Exercise goal — Set down exactly the lines below between the line holding "#137=IFCPRODUCTDEFINITIONSHAPE($,$,(#136));" and the line holding "#142=IFCRAILINGTYPE('0000000000000000000010',$,'Stair guard and", inclusive; no other line belongs in the answer.
►
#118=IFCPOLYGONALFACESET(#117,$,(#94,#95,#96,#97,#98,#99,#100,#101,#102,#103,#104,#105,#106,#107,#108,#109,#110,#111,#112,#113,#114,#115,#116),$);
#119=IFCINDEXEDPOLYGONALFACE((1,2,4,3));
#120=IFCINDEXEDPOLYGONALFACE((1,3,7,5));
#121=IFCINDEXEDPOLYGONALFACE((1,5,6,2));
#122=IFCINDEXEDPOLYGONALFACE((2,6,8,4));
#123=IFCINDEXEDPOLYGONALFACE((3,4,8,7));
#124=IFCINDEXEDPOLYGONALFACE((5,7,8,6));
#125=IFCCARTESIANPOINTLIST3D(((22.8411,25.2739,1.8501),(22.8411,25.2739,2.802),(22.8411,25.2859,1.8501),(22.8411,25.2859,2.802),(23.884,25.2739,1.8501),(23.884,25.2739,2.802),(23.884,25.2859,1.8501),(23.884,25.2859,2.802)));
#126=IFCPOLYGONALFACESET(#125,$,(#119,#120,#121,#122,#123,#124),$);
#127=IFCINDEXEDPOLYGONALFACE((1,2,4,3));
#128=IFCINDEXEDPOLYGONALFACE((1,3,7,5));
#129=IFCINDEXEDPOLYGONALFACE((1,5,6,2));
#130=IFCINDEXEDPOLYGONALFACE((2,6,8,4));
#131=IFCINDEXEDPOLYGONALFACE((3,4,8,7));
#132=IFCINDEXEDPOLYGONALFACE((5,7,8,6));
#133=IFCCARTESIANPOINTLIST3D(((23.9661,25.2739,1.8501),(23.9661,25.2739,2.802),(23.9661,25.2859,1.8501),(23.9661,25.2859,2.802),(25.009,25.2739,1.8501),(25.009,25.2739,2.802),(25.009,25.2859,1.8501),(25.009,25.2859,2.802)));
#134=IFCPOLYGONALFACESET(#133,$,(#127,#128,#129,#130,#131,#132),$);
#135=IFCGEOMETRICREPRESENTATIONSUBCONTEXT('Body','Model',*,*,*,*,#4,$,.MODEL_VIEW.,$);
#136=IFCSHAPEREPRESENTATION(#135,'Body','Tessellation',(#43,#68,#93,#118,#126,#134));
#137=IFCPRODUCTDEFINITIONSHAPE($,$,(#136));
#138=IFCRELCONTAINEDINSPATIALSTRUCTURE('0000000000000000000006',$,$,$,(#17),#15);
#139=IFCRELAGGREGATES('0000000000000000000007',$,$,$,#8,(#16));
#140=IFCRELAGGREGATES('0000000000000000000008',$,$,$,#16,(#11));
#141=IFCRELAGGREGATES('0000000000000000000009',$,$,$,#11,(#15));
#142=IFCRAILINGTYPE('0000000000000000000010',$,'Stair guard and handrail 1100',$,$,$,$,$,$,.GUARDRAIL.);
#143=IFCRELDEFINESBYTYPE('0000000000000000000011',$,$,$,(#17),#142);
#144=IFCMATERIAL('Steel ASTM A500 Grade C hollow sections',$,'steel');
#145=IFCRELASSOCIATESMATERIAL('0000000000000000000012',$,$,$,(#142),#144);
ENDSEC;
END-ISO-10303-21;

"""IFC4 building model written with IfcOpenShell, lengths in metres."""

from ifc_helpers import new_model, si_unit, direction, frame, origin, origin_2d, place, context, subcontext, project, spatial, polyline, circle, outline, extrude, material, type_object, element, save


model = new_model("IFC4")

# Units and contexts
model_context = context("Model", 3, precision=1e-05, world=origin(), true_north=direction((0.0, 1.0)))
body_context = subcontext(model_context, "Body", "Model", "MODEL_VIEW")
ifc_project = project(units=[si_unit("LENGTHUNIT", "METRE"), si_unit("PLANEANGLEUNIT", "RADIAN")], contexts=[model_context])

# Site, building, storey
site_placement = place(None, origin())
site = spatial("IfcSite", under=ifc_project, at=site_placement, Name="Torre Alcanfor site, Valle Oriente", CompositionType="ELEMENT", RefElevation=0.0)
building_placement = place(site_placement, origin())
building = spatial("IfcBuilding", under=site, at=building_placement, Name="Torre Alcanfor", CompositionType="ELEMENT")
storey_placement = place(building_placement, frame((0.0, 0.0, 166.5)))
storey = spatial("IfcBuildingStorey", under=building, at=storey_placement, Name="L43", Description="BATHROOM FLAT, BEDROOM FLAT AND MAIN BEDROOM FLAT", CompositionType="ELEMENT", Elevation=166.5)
◄
►
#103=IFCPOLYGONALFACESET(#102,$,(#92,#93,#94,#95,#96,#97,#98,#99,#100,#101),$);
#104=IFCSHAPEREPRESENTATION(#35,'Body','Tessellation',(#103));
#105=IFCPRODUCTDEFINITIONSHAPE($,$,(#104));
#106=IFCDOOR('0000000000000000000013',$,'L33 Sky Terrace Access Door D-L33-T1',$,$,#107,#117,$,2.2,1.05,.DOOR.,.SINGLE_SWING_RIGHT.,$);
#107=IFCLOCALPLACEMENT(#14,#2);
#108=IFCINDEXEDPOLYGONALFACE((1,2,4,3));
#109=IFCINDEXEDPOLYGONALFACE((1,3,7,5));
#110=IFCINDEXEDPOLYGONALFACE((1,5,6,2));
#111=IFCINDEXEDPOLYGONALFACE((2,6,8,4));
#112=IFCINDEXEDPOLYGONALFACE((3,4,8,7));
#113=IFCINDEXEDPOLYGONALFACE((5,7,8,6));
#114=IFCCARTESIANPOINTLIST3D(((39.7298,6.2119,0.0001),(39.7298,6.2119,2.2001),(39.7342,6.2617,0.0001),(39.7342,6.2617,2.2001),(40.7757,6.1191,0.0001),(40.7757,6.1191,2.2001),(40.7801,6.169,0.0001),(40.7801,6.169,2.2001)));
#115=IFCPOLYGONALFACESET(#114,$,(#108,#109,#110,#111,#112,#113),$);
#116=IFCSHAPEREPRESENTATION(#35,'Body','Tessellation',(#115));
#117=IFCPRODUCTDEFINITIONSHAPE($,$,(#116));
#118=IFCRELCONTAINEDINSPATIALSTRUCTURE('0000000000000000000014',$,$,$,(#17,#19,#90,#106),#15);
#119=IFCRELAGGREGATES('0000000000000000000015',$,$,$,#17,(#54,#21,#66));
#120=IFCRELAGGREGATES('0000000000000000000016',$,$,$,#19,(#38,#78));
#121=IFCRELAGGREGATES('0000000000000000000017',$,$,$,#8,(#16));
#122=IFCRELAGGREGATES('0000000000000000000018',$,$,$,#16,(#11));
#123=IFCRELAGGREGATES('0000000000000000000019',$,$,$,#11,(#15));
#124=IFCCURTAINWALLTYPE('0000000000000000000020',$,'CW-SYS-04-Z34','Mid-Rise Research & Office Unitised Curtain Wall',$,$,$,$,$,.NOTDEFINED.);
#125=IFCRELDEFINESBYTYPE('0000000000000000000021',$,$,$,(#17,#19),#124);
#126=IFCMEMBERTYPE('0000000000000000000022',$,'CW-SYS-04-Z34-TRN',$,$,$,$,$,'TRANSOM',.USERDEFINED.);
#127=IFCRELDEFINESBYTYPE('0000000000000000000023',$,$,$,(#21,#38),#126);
◄
Reply —
#137=IFCPRODUCTDEFINITIONSHAPE($,$,(#136));
#138=IFCRELCONTAINEDINSPATIALSTRUCTURE('0000000000000000000006',$,$,$,(#17),#15);
#139=IFCRELAGGREGATES('0000000000000000000007',$,$,$,#8,(#16));
#140=IFCRELAGGREGATES('0000000000000000000008',$,$,$,#16,(#11));
#141=IFCRELAGGREGATES('0000000000000000000009',$,$,$,#11,(#15));
#142=IFCRAILINGTYPE('0000000000000000000010',$,'Stair guard and handrail 1100',$,$,$,$,$,$,.GUARDRAIL.);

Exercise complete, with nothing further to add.